== TASK DESCRIPTION ==
Would you please return the lines of the entries below starting at the line that has "#170=IFCRELAGGREGATES('0000000000000000000010',$,$,$,#16,(#11));" and ending at the line that has "#178=IFCMATERIAL('Steel S355',$,'steel');", both included, exactly as they are?

== STORED DATA ==

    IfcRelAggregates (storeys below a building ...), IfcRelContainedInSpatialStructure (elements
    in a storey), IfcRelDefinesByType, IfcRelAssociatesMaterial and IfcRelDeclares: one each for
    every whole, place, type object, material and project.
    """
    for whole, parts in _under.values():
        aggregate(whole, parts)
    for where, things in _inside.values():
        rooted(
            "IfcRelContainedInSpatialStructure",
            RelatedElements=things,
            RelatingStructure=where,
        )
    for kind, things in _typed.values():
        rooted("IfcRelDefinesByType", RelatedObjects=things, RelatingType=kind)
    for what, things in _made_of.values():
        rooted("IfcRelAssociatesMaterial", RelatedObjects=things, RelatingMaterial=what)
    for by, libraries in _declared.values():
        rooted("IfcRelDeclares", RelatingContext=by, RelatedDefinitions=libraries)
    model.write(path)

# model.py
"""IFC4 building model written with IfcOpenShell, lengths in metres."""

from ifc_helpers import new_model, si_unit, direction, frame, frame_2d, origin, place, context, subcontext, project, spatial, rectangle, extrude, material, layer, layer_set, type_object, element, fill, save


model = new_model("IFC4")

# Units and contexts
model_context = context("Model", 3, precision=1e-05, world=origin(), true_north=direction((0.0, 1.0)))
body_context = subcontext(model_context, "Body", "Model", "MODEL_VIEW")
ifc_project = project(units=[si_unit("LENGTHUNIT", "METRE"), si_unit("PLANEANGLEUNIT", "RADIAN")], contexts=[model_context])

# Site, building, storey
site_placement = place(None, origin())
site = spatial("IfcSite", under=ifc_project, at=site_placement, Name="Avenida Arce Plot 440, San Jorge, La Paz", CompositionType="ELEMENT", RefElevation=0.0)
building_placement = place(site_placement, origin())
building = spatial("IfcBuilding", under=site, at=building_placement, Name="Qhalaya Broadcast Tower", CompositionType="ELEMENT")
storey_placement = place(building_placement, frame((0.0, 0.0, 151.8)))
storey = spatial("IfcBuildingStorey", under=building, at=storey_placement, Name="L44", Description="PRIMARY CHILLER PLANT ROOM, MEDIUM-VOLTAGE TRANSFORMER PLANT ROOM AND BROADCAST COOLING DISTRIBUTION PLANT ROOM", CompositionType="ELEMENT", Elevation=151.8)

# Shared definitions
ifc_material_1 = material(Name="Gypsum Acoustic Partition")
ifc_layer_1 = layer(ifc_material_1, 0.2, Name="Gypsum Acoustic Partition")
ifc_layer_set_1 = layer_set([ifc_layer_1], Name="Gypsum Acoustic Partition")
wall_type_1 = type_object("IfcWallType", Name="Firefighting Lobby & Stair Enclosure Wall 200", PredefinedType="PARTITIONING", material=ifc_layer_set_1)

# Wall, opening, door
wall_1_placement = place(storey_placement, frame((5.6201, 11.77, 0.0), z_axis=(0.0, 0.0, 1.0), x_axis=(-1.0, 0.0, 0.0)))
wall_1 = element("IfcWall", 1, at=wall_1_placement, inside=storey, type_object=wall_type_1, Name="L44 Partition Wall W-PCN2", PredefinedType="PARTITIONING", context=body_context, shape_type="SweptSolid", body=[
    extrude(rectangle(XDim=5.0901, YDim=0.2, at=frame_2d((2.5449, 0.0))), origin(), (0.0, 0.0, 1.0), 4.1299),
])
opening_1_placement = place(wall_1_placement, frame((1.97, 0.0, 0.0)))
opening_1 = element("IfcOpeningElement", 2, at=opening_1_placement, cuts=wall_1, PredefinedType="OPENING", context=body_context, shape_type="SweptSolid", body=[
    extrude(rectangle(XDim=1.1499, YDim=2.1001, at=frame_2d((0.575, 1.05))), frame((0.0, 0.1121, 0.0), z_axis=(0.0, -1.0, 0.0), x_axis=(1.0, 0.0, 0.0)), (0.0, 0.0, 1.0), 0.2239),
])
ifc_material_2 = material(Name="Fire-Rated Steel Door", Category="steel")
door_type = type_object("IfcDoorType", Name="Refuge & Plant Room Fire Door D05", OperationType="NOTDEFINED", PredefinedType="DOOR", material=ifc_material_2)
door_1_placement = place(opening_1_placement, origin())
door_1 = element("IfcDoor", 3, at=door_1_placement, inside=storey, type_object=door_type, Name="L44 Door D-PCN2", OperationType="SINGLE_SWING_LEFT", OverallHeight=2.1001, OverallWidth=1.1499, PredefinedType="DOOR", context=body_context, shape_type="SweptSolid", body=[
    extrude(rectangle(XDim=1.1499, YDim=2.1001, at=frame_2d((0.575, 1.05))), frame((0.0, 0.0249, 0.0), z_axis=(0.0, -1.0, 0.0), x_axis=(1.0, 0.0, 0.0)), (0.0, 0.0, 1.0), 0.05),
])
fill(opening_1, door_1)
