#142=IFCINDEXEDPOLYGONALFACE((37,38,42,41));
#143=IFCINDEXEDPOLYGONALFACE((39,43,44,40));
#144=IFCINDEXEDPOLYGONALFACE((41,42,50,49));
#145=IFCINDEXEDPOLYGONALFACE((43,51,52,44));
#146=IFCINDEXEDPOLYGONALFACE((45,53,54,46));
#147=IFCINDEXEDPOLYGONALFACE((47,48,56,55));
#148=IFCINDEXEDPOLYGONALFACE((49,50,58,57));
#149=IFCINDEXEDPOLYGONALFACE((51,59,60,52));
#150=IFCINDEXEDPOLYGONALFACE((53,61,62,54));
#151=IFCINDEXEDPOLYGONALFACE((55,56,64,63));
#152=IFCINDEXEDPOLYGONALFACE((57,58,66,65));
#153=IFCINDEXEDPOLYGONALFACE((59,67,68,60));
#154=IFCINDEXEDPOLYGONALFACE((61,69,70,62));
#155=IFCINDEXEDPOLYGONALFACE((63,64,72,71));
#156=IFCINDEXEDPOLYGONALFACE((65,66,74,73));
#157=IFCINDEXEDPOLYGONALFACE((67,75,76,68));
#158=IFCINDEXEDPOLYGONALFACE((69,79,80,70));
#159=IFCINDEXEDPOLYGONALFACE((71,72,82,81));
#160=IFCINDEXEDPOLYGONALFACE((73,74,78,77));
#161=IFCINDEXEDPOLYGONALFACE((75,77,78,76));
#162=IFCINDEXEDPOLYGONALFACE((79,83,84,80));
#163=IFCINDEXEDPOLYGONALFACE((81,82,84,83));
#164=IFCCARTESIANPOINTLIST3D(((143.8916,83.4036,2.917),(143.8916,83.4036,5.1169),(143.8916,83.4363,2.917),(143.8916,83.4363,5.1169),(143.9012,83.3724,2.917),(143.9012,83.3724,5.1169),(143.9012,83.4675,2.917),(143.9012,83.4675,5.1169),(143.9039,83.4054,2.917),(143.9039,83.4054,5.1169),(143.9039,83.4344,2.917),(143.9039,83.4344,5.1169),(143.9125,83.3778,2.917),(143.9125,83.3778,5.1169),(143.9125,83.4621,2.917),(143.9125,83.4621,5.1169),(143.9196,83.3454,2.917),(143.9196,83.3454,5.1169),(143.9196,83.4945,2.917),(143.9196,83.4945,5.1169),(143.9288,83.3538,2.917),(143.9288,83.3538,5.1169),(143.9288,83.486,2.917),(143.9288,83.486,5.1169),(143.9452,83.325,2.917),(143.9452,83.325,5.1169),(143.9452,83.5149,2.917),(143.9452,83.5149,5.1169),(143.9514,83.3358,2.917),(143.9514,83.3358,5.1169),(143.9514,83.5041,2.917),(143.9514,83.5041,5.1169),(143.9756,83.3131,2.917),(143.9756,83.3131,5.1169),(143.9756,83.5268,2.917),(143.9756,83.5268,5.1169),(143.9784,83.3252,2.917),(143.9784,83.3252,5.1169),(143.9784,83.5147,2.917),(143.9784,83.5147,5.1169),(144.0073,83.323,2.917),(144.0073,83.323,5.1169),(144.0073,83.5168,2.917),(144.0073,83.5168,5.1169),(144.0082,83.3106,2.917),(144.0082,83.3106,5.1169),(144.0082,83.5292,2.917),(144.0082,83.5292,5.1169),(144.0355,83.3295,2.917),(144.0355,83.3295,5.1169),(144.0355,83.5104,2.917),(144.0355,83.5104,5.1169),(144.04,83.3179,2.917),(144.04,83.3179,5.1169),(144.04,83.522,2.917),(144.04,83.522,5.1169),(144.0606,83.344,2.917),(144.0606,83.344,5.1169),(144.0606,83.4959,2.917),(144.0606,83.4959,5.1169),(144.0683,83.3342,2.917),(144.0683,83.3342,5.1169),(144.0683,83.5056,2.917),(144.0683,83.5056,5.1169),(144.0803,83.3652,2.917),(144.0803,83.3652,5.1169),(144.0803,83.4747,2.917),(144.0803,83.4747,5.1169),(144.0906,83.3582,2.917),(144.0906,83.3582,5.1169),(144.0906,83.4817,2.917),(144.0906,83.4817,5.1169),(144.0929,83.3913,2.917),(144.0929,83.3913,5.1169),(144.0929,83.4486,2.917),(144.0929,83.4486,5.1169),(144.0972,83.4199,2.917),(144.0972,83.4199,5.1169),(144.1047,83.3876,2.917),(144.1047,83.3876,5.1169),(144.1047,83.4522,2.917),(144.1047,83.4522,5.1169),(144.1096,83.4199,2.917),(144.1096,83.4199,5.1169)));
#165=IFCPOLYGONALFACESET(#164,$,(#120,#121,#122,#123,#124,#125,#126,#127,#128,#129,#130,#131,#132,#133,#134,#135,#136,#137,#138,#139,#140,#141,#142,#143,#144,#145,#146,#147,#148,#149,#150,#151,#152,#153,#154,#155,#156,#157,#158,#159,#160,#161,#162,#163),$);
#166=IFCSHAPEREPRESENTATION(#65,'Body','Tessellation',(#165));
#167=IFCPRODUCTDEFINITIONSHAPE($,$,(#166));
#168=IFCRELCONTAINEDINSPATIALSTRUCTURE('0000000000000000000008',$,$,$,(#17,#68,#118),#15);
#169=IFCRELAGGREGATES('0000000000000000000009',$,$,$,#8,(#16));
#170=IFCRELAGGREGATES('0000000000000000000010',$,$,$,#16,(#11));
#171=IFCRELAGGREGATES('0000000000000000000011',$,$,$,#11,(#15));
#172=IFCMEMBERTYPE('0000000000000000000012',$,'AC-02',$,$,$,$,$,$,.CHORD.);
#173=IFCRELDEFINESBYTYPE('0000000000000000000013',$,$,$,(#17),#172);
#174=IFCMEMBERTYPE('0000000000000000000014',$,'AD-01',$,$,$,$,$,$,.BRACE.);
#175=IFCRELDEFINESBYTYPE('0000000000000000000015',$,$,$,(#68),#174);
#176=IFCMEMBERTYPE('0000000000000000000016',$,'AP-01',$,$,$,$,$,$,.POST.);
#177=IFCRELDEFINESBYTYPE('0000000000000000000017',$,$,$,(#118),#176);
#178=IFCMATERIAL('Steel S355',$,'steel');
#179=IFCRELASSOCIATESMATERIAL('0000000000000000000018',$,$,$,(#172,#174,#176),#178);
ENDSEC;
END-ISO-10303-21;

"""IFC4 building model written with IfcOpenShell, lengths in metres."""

== ANSWER TO THE PROBLEM ==
#170=IFCRELAGGREGATES('0000000000000000000010',$,$,$,#16,(#11));
#171=IFCRELAGGREGATES('0000000000000000000011',$,$,$,#11,(#15));
#172=IFCMEMBERTYPE('0000000000000000000012',$,'AC-02',$,$,$,$,$,$,.CHORD.);
#173=IFCRELDEFINESBYTYPE('0000000000000000000013',$,$,$,(#17),#172);
#174=IFCMEMBERTYPE('0000000000000000000014',$,'AD-01',$,$,$,$,$,$,.BRACE.);
#175=IFCRELDEFINESBYTYPE('0000000000000000000015',$,$,$,(#68),#174);
#176=IFCMEMBERTYPE('0000000000000000000016',$,'AP-01',$,$,$,$,$,$,.POST.);
#177=IFCRELDEFINESBYTYPE('0000000000000000000017',$,$,$,(#118),#176);
#178=IFCMATERIAL('Steel S355',$,'steel');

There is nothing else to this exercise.